# [Exercise]
Your reply should be made up of every line in the records below that holds the string "Rimbun".

# [Stored items]
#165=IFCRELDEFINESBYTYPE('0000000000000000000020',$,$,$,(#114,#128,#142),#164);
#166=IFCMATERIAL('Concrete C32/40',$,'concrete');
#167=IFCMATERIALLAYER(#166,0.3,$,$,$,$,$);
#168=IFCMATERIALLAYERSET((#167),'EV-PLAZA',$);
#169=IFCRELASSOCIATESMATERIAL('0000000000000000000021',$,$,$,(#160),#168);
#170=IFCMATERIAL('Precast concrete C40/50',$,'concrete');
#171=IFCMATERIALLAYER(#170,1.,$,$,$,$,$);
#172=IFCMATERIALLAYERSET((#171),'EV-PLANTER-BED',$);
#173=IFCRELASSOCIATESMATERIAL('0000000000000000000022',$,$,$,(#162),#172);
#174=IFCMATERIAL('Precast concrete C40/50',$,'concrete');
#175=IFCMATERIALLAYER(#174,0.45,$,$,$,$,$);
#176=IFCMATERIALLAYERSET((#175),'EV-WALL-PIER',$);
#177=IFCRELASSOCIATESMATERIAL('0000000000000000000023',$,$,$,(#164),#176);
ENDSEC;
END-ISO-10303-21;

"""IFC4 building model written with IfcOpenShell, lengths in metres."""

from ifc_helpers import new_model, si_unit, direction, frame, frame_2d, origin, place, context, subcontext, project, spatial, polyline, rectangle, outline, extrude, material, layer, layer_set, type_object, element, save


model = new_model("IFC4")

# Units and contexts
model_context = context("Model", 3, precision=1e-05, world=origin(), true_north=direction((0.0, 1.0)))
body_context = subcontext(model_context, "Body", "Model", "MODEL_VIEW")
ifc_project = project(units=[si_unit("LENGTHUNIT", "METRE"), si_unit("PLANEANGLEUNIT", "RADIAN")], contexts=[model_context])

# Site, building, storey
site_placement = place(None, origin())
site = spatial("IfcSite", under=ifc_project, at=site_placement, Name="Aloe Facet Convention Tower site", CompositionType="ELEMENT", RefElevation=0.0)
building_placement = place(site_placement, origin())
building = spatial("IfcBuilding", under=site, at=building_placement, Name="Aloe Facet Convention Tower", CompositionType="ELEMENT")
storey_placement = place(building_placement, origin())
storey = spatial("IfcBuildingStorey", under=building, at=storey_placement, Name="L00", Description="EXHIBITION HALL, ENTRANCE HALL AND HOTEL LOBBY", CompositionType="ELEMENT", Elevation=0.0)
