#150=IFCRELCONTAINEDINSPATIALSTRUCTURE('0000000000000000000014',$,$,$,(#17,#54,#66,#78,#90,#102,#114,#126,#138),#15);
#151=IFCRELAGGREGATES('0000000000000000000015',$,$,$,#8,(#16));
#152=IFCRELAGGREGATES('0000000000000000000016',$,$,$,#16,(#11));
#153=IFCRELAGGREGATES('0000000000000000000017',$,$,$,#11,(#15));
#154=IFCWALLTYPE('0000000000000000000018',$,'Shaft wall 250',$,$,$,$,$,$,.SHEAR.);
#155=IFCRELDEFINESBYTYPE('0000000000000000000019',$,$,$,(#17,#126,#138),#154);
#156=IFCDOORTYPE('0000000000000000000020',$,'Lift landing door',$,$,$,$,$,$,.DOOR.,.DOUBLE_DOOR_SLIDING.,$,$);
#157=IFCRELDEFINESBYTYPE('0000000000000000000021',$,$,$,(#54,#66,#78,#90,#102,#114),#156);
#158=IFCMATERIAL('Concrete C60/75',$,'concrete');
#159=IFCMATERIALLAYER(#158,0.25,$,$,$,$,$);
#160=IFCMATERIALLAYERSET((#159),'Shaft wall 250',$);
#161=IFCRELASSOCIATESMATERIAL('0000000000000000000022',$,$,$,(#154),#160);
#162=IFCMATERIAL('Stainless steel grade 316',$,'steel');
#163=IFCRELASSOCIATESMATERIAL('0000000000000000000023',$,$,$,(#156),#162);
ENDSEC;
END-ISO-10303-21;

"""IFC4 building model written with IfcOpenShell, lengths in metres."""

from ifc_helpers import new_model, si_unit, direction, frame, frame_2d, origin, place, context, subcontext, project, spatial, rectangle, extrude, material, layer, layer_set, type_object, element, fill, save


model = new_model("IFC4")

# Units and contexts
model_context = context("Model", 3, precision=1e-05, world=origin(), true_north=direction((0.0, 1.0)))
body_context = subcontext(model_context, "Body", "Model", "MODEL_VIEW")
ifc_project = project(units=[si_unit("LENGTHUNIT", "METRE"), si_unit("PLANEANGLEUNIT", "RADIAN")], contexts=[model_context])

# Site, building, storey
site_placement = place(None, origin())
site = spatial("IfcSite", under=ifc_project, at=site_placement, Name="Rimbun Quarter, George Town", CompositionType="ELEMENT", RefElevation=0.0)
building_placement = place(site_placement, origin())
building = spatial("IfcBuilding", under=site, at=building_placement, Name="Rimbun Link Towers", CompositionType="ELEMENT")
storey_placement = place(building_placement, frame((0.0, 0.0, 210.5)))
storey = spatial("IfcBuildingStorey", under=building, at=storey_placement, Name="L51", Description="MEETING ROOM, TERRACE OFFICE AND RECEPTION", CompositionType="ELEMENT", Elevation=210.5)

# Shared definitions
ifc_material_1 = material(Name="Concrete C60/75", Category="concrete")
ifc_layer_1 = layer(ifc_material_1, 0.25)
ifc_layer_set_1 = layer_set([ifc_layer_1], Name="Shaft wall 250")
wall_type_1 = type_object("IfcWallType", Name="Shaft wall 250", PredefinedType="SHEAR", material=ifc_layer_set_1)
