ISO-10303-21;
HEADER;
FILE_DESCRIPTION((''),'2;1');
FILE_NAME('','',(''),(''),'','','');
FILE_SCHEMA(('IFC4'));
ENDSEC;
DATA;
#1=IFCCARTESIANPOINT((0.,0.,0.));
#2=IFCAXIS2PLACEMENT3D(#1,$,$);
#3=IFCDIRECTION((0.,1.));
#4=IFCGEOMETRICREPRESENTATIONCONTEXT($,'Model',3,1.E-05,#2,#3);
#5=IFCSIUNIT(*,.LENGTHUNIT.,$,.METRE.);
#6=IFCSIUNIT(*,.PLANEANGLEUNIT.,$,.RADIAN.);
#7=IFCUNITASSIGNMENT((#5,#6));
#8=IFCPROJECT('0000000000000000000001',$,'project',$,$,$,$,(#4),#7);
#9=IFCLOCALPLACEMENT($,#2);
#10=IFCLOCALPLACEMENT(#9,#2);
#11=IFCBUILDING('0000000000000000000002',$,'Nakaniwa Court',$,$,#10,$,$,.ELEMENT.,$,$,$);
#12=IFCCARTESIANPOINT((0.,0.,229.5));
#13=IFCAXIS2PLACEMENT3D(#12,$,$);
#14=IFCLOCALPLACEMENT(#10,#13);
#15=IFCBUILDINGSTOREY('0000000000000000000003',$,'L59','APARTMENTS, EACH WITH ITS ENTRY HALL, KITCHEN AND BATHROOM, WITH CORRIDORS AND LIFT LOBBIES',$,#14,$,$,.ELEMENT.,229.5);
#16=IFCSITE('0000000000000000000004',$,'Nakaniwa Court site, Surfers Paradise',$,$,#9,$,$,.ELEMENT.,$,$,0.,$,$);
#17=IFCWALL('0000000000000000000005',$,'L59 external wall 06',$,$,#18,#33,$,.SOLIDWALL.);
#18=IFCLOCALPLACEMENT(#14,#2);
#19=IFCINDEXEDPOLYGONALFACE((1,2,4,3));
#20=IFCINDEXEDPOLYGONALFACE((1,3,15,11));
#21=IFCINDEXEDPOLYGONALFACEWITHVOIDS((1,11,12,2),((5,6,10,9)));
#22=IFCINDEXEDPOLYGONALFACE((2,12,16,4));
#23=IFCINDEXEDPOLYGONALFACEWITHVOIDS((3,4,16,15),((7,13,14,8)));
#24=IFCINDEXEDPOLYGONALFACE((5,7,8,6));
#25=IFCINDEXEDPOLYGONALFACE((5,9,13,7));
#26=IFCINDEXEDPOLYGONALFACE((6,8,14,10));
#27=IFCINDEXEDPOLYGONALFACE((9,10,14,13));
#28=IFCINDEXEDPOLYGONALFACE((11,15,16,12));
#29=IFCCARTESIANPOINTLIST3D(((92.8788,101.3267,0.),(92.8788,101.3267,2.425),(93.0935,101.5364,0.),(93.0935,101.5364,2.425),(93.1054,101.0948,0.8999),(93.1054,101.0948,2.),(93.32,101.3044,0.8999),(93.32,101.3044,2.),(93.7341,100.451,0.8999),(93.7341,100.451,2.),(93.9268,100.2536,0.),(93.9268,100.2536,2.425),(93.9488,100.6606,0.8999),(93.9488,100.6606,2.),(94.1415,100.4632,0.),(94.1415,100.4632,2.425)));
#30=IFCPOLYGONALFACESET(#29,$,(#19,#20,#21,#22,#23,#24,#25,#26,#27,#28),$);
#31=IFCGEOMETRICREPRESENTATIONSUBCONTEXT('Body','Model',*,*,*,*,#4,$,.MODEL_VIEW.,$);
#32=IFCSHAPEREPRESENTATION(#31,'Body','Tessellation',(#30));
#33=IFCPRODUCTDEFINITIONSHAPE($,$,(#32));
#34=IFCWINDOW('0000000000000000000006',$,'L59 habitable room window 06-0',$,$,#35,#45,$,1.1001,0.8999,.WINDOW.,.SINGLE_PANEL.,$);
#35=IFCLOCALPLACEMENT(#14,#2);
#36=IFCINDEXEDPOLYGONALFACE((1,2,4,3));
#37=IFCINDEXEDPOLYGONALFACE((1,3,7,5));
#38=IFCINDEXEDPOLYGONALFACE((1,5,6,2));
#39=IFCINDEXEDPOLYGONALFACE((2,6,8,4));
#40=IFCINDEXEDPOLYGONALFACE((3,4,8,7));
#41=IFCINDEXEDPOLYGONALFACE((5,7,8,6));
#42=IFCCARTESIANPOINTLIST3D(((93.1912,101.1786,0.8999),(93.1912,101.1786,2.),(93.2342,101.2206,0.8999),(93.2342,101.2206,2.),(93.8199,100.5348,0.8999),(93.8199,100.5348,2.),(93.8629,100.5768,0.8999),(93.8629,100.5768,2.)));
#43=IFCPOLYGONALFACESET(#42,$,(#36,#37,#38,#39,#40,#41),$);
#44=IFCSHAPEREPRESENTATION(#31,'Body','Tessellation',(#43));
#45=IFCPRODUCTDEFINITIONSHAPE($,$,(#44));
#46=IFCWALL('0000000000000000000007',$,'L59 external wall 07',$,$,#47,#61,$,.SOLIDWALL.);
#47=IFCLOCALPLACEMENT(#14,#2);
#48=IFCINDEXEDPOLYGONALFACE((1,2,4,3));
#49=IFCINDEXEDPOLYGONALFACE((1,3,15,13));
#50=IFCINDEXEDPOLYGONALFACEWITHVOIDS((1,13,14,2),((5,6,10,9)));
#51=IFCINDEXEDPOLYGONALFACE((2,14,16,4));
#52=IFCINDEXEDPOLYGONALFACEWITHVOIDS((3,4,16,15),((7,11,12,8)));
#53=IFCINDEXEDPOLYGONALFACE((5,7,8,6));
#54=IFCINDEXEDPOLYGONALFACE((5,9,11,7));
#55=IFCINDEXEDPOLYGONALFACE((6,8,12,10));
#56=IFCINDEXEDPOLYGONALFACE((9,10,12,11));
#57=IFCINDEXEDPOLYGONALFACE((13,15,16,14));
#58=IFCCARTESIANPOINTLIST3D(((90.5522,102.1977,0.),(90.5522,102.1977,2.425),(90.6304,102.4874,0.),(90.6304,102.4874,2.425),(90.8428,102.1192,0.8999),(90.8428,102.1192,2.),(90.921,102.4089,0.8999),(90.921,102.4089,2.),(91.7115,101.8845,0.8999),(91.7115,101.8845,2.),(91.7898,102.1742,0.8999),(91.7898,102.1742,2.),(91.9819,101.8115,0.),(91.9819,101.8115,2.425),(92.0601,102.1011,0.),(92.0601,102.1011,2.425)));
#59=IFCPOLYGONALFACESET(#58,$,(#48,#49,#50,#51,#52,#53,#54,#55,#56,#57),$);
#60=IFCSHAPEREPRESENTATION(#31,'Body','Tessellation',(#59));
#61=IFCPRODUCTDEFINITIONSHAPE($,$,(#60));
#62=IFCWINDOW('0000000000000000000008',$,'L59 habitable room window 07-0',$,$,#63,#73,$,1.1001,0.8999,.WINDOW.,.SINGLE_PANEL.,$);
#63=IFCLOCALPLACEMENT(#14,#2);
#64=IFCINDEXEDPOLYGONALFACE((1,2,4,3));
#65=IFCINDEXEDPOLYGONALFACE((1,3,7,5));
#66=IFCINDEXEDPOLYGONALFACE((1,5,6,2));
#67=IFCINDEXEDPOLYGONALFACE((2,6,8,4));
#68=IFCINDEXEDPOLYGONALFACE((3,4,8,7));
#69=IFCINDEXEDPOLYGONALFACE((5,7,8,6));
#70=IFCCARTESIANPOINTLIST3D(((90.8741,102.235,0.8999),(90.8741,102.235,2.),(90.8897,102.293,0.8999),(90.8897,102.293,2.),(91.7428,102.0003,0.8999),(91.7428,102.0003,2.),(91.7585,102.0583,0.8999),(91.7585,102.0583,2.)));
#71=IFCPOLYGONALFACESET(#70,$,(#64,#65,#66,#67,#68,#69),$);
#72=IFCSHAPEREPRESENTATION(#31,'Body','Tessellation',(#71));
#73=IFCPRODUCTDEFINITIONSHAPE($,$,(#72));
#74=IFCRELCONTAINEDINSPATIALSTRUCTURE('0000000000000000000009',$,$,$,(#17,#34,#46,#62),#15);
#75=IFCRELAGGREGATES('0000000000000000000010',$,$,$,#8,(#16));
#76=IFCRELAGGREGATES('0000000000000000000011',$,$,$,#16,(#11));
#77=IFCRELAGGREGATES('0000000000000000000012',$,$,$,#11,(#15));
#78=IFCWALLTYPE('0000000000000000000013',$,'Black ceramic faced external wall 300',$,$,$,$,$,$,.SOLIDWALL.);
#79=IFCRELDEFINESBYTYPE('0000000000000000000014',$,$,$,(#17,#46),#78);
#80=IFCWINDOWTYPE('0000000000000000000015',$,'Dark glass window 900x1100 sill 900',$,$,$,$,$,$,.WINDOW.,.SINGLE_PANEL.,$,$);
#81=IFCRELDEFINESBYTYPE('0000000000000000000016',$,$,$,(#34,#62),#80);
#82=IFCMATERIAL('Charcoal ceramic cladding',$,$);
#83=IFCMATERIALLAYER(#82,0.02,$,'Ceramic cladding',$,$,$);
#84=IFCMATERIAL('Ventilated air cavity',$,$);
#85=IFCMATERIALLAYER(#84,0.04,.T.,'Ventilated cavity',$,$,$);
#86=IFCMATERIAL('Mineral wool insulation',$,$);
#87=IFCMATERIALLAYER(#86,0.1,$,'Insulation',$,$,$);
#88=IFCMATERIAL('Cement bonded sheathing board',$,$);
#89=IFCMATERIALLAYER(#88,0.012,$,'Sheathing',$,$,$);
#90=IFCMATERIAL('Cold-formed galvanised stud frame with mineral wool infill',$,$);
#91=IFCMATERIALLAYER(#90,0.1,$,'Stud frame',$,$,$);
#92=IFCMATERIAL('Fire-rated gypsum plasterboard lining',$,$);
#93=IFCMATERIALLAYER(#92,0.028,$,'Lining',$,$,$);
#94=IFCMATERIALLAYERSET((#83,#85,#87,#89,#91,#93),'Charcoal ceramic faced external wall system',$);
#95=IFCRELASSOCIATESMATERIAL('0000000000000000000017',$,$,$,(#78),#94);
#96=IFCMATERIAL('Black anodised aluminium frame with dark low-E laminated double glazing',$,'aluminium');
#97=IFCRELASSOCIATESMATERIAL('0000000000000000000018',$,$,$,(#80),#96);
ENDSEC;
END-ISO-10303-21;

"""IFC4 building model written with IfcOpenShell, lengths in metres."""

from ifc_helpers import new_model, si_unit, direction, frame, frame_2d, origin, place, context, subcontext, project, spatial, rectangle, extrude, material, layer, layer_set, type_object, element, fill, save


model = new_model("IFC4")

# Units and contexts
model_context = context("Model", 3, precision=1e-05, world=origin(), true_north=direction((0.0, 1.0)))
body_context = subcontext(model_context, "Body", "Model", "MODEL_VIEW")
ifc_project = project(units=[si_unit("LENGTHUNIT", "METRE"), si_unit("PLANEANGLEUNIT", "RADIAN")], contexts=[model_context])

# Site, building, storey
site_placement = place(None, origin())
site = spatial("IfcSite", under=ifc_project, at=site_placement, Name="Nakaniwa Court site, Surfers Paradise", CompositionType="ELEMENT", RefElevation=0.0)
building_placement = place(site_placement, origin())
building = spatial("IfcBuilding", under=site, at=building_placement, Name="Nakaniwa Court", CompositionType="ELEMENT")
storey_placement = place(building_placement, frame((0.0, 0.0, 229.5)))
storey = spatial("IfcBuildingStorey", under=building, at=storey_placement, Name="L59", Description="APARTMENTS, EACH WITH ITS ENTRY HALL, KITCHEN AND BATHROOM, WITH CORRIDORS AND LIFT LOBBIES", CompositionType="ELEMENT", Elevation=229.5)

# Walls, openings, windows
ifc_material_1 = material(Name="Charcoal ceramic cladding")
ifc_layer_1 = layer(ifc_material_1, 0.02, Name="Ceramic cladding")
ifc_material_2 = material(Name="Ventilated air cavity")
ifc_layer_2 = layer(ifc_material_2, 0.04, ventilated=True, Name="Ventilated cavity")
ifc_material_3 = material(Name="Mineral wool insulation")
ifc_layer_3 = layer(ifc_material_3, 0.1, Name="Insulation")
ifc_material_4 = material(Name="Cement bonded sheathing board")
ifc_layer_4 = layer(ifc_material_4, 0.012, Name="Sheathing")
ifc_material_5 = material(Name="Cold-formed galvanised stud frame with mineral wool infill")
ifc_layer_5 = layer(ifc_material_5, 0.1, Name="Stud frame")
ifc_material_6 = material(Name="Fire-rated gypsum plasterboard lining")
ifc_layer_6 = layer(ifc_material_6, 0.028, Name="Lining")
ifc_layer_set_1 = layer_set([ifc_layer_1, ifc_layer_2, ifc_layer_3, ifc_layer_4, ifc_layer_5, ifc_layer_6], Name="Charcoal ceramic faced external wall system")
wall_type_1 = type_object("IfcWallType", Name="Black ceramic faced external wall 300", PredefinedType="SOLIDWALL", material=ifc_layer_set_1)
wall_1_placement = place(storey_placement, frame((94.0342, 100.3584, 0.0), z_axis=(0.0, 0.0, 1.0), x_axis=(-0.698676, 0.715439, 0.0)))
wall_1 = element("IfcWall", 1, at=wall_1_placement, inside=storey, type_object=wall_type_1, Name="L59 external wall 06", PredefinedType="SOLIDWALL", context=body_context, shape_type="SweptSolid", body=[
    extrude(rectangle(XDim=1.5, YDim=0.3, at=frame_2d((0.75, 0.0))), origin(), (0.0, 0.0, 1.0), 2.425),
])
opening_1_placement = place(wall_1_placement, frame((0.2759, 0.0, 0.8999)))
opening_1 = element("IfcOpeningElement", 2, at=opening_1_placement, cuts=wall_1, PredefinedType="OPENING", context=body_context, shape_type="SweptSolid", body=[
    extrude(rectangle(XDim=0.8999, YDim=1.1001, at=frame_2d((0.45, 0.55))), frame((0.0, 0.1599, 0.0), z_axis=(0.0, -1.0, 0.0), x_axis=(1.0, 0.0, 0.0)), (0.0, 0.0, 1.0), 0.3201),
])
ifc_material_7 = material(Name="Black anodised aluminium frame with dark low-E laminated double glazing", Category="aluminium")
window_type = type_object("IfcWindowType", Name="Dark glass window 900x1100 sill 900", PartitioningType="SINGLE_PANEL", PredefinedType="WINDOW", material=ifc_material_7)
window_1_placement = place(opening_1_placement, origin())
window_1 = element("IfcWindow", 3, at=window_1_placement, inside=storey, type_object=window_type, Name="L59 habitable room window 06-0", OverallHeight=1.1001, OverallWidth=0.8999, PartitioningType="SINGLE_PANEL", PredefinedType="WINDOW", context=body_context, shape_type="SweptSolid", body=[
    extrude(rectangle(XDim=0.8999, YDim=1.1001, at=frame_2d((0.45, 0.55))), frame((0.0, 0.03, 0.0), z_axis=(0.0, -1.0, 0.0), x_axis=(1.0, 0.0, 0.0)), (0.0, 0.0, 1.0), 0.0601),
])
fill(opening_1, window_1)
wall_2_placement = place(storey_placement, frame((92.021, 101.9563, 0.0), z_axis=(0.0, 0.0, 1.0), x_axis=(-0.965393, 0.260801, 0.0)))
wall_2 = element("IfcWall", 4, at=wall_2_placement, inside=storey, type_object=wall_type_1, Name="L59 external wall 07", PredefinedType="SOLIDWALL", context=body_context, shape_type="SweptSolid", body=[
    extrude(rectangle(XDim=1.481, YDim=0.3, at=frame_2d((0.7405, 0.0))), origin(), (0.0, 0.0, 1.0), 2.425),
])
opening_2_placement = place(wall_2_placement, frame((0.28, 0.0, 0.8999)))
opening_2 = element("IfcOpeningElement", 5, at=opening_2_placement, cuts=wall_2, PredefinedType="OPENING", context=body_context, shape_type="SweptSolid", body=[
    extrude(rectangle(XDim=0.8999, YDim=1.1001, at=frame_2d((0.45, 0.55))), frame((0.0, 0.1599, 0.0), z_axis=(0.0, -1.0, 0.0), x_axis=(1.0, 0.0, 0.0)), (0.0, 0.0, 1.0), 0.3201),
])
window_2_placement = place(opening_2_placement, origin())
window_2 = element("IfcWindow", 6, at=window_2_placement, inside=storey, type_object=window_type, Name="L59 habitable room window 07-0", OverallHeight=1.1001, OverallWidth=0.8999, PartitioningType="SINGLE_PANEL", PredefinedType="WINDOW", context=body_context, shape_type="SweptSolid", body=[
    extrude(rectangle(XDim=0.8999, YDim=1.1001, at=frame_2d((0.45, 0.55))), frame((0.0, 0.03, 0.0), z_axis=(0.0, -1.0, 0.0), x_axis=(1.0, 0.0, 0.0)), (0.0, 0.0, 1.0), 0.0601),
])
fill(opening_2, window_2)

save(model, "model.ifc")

# [Written reply]
site = spatial("IfcSite", under=ifc_project, at=site_placement, Name="Rimbun Quarter, George Town", CompositionType="ELEMENT", RefElevation=0.0)
building = spatial("IfcBuilding", under=site, at=building_placement, Name="Rimbun Link Towers", CompositionType="ELEMENT")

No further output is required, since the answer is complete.